- **HOW TO COMPLETE THIS TASK**
The expected answer comprises all lines from the entries that contain the string "such".

- **DATA PROVIDED**
━━━━

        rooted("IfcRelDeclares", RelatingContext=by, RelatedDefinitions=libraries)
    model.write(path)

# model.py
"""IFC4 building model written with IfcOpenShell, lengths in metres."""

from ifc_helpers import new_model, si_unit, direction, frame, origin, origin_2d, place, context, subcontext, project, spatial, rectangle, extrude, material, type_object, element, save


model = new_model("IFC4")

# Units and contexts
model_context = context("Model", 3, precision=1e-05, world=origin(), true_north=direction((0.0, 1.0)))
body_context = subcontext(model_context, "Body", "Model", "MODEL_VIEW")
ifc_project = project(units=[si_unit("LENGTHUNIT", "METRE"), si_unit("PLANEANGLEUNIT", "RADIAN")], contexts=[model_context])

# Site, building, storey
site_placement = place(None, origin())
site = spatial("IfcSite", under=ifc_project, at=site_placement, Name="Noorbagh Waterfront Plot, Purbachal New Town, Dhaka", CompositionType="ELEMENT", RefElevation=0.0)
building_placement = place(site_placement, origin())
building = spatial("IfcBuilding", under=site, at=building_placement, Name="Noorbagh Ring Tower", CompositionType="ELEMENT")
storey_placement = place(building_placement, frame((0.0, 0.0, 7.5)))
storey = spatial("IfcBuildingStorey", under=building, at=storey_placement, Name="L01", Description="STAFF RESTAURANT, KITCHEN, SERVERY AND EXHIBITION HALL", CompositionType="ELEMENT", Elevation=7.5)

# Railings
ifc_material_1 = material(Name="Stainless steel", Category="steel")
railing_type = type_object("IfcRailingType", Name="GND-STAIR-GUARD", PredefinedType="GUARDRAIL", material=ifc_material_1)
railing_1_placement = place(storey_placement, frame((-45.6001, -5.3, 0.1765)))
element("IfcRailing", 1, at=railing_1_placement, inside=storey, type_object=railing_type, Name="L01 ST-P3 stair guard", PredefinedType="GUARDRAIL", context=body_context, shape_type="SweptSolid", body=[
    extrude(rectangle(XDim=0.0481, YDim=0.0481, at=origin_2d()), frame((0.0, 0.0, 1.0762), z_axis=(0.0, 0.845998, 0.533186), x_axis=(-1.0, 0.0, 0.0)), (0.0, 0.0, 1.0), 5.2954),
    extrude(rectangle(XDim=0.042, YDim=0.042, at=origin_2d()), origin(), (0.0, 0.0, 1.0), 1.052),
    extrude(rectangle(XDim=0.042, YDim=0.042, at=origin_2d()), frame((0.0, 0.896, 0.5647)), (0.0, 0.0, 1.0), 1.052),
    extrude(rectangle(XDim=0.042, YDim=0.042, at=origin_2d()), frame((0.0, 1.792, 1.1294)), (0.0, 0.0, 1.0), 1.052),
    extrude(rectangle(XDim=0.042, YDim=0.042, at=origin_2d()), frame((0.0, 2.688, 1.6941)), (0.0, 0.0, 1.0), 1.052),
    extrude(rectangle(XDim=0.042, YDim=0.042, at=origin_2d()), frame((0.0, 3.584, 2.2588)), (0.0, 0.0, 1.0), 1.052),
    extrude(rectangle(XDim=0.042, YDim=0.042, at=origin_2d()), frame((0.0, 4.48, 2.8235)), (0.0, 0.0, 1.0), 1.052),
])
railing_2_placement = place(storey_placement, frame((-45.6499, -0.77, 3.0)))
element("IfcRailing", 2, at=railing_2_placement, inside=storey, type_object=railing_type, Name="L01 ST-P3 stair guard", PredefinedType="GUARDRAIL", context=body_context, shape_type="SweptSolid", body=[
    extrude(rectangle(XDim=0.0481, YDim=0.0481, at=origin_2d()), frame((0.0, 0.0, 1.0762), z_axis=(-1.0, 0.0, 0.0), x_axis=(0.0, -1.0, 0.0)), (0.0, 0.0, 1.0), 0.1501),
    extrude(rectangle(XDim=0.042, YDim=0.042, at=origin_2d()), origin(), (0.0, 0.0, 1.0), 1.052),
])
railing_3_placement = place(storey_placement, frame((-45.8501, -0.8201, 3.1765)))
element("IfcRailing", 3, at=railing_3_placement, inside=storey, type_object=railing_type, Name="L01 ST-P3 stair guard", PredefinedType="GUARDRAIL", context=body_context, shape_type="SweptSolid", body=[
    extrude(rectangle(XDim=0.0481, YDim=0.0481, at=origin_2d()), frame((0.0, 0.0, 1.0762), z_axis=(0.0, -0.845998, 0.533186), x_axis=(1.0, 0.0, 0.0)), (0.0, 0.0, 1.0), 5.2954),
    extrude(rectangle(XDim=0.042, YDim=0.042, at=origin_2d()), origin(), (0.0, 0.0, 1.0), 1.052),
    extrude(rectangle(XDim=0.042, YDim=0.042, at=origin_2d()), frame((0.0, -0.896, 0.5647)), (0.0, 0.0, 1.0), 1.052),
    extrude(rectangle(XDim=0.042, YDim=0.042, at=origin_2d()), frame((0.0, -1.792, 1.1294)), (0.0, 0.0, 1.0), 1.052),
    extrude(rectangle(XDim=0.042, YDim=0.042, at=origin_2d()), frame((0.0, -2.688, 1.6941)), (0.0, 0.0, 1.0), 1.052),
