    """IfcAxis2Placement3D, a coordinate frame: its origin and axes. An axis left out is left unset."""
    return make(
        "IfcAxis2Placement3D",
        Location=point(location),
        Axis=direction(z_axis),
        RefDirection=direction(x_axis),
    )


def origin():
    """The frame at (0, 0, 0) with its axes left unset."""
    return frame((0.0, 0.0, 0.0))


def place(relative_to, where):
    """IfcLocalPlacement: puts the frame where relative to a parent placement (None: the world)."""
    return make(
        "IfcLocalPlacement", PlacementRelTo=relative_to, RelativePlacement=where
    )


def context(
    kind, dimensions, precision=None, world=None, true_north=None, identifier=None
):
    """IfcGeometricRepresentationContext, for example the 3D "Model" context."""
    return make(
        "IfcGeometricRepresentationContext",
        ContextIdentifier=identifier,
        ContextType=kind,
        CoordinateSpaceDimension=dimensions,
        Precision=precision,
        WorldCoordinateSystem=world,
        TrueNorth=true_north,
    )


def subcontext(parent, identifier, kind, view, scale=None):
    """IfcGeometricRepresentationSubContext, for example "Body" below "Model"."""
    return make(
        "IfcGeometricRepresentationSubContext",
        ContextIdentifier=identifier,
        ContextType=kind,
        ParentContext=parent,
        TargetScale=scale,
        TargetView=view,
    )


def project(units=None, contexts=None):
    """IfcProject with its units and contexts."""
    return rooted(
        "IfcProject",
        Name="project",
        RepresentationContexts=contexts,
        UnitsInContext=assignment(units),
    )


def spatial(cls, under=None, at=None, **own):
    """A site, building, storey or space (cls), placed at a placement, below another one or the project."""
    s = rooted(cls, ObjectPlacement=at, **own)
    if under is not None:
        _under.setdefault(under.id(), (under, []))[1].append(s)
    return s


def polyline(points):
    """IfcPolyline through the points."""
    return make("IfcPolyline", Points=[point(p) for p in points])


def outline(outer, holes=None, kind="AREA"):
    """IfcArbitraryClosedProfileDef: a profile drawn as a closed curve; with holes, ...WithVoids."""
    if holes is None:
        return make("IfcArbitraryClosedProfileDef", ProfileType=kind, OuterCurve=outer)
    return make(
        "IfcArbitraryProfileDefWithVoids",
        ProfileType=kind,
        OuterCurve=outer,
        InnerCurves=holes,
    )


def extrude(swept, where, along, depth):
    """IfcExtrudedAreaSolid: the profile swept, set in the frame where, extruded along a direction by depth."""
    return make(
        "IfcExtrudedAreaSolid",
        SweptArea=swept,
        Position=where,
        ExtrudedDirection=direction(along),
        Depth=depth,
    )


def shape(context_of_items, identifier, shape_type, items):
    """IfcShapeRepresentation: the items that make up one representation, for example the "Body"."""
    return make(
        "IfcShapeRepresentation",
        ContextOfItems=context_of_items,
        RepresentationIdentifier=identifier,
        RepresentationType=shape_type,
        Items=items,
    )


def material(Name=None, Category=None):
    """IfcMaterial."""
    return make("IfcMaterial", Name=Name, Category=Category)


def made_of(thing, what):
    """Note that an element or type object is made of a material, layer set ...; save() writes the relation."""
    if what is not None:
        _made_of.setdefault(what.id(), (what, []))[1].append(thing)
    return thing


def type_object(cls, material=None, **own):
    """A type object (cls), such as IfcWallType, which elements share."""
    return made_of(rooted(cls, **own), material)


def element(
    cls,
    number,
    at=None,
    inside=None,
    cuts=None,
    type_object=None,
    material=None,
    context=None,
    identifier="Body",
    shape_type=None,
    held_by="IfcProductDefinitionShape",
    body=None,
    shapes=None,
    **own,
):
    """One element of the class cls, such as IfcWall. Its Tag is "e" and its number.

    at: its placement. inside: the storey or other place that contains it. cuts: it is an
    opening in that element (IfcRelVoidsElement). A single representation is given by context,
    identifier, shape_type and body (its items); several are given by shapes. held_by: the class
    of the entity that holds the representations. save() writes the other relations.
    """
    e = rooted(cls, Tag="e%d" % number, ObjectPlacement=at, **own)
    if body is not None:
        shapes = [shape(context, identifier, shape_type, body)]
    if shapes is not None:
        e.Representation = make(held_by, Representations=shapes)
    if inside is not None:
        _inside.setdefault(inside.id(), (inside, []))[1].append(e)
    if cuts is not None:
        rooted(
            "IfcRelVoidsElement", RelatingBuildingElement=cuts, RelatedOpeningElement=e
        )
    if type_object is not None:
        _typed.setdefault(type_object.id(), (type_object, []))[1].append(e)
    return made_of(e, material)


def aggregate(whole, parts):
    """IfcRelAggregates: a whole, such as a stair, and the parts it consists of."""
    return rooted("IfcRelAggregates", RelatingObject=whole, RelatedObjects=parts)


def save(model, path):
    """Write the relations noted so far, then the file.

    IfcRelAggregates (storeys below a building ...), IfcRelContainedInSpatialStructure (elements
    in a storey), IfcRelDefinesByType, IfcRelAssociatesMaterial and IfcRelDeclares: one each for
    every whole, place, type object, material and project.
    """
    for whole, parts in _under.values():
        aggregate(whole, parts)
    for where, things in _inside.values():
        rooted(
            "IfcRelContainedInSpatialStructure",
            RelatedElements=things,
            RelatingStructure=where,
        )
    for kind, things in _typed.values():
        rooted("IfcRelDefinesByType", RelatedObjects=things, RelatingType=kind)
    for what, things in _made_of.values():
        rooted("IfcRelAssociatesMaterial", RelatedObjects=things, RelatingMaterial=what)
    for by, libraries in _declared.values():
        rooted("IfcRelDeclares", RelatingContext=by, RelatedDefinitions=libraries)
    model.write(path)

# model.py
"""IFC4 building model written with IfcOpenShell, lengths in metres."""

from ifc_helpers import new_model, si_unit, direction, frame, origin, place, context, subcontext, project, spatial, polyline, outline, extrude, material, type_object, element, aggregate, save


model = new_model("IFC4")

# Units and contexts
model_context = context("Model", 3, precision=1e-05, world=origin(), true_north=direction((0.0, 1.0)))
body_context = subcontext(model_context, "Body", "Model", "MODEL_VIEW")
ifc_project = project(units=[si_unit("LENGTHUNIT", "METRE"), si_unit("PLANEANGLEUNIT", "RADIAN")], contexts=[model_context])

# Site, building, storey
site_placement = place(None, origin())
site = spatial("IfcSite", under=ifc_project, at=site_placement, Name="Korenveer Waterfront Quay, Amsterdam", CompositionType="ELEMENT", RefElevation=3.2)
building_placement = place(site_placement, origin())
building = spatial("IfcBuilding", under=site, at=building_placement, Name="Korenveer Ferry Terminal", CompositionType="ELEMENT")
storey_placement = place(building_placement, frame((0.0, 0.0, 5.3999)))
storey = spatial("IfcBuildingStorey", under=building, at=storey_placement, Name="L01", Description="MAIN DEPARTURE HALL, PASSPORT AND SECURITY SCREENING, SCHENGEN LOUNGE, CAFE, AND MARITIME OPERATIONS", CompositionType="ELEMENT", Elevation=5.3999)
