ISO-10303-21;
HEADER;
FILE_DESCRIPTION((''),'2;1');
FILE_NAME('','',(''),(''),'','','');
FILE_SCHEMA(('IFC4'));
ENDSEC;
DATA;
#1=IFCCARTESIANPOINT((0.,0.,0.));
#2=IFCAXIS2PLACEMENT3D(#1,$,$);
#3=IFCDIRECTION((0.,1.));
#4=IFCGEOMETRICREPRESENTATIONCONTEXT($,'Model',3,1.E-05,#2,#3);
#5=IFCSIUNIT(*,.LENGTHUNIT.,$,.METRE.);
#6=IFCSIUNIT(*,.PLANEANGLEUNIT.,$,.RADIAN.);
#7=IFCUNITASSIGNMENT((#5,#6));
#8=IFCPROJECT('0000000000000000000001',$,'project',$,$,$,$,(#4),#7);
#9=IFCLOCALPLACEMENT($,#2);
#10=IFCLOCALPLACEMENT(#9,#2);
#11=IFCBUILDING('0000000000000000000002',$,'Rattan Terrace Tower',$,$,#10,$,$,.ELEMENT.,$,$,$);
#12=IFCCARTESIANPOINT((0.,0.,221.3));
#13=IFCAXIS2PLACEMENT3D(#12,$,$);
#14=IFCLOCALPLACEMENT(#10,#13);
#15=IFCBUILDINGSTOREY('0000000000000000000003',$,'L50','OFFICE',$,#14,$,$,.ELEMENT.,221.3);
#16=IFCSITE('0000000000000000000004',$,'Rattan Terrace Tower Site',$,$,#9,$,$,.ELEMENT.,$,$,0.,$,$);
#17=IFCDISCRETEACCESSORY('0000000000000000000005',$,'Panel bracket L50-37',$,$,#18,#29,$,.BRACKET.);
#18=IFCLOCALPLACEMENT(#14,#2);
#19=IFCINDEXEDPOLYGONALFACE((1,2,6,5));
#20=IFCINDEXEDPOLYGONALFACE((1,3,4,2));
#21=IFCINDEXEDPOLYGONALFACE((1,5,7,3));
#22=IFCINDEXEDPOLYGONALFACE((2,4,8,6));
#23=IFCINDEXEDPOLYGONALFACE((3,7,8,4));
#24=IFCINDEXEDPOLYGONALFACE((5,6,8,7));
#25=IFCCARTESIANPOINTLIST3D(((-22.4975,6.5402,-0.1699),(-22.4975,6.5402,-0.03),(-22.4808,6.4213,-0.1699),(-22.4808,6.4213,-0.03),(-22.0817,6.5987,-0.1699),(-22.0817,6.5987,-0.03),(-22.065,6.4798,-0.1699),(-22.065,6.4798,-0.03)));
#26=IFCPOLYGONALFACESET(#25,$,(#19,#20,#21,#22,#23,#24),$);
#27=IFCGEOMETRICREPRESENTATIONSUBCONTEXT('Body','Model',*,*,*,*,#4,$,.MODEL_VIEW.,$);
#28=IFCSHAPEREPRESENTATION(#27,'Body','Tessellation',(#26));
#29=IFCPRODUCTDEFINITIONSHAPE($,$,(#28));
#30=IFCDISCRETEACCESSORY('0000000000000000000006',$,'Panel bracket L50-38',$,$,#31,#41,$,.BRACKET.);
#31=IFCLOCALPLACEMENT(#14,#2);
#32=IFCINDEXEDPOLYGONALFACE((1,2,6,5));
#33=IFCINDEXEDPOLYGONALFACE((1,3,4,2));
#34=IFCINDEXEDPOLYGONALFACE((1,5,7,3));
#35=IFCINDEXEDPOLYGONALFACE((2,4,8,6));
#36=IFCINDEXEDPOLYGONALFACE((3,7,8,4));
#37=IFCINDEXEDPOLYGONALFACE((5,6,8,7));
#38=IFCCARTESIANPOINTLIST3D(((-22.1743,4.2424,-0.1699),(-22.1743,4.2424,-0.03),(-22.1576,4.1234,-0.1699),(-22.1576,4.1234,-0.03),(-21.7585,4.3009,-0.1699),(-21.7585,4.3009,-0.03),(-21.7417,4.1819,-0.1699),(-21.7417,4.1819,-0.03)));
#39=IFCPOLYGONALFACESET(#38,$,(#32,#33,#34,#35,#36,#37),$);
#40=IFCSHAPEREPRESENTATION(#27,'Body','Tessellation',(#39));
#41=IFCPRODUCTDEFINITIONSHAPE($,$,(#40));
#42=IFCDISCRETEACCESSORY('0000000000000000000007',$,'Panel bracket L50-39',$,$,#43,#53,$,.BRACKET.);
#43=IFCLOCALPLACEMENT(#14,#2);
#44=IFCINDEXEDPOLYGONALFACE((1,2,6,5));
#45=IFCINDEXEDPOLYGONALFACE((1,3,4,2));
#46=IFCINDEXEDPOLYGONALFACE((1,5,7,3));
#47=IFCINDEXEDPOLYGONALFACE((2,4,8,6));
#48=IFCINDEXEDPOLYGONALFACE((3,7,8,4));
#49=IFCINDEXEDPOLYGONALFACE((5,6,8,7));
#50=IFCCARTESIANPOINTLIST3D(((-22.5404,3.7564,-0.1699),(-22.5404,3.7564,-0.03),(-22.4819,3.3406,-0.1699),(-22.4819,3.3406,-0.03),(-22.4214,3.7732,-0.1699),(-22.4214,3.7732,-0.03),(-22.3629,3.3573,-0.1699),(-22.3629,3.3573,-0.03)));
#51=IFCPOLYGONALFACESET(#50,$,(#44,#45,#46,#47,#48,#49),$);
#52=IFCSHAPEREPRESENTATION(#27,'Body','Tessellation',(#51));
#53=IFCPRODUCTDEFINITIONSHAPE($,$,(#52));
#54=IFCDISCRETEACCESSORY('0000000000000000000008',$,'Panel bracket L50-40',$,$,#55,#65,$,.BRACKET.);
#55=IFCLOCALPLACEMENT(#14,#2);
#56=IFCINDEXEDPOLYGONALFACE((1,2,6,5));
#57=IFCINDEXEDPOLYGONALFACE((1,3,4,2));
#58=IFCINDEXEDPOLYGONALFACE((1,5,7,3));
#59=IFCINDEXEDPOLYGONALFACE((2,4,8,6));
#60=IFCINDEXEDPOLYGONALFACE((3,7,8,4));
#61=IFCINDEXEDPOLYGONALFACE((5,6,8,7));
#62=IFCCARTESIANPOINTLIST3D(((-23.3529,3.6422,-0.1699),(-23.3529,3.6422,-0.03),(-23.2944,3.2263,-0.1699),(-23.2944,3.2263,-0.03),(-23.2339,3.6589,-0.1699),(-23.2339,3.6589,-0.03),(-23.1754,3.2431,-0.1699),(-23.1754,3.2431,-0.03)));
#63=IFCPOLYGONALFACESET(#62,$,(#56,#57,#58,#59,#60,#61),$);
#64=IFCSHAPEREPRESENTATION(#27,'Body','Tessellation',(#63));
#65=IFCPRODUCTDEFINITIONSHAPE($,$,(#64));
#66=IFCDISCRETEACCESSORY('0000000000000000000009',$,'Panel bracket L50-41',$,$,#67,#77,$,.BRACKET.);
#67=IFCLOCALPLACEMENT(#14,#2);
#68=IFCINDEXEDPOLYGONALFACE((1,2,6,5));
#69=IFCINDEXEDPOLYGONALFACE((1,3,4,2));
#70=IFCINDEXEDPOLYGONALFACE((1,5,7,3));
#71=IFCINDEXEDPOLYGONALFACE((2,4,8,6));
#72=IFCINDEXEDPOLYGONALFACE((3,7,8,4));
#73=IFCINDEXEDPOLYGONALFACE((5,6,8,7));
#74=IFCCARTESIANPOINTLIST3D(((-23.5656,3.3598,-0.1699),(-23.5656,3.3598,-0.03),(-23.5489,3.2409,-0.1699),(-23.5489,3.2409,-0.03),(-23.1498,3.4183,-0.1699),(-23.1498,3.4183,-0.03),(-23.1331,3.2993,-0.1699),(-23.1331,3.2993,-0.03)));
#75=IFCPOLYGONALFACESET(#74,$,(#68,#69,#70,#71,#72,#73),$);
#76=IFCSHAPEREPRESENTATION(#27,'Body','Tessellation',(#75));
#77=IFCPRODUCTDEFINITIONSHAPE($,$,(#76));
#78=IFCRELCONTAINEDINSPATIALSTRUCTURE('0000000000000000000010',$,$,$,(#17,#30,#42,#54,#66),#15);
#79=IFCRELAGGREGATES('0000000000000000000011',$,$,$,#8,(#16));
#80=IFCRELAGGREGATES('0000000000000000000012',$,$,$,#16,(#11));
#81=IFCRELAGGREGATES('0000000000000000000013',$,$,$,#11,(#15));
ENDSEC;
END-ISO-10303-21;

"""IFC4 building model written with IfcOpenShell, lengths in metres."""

from ifc_helpers import new_model, si_unit, direction, frame, origin, origin_2d, place, context, subcontext, project, spatial, rectangle, extrude, element, save


model = new_model("IFC4")

# Units and contexts
model_context = context("Model", 3, precision=1e-05, world=origin(), true_north=direction((0.0, 1.0)))
body_context = subcontext(model_context, "Body", "Model", "MODEL_VIEW")
ifc_project = project(units=[si_unit("LENGTHUNIT", "METRE"), si_unit("PLANEANGLEUNIT", "RADIAN")], contexts=[model_context])

# Site, building, storey
site_placement = place(None, origin())
site = spatial("IfcSite", under=ifc_project, at=site_placement, Name="Rattan Terrace Tower Site", CompositionType="ELEMENT", RefElevation=0.0)
building_placement = place(site_placement, origin())
building = spatial("IfcBuilding", under=site, at=building_placement, Name="Rattan Terrace Tower", CompositionType="ELEMENT")
storey_placement = place(building_placement, frame((0.0, 0.0, 221.3)))
storey = spatial("IfcBuildingStorey", under=building, at=storey_placement, Name="L50", Description="OFFICE", CompositionType="ELEMENT", Elevation=221.3)

# Discrete accessories
for number, where, z_axis, x_axis, name in (
    (1, (-22.2812, 6.51, -0.1699), (0.0, 0.0, 1.0), (0.139321, -0.990247, 0.0), "Panel bracket L50-37"),
    (2, (-21.958, 4.2122, -0.1699), (0.0, 0.0, 1.0), (0.139321, -0.990247, 0.0), "Panel bracket L50-38"),
    (3, (-22.4517, 3.5569, -0.1699), (0.0, 0.0, 1.0), (-0.990254, -0.139275, 0.0), "Panel bracket L50-39"),
    (4, (-23.2642, 3.4426, -0.1699), (0.0, 0.0, 1.0), (-0.990254, -0.139275, 0.0), "Panel bracket L50-40"),
    (5, (-23.3494, 3.3296, -0.1699), (0.0, 0.0, 1.0), (0.139186, -0.990266, 0.0), "Panel bracket L50-41"),
):
    element("IfcDiscreteAccessory", number, at=place(storey_placement, frame(where, z_axis=z_axis, x_axis=x_axis)), inside=storey, Name=name, PredefinedType="BRACKET", context=body_context, shape_type="SweptSolid", body=[
        extrude(rectangle(XDim=0.1201, YDim=0.4199, at=origin_2d()), origin(), (0.0, 0.0, 1.0), 0.1399),
    ])

save(model, "model.ifc")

━━━━

- **TASK SOLUTION**
    """A type object (cls), such as IfcWallType, which elements share."""
    """One element of the class cls, such as IfcWall. Its Tag is "e" and its number.
    """IfcRelAggregates: a whole, such as a stair, and the parts it consists of."""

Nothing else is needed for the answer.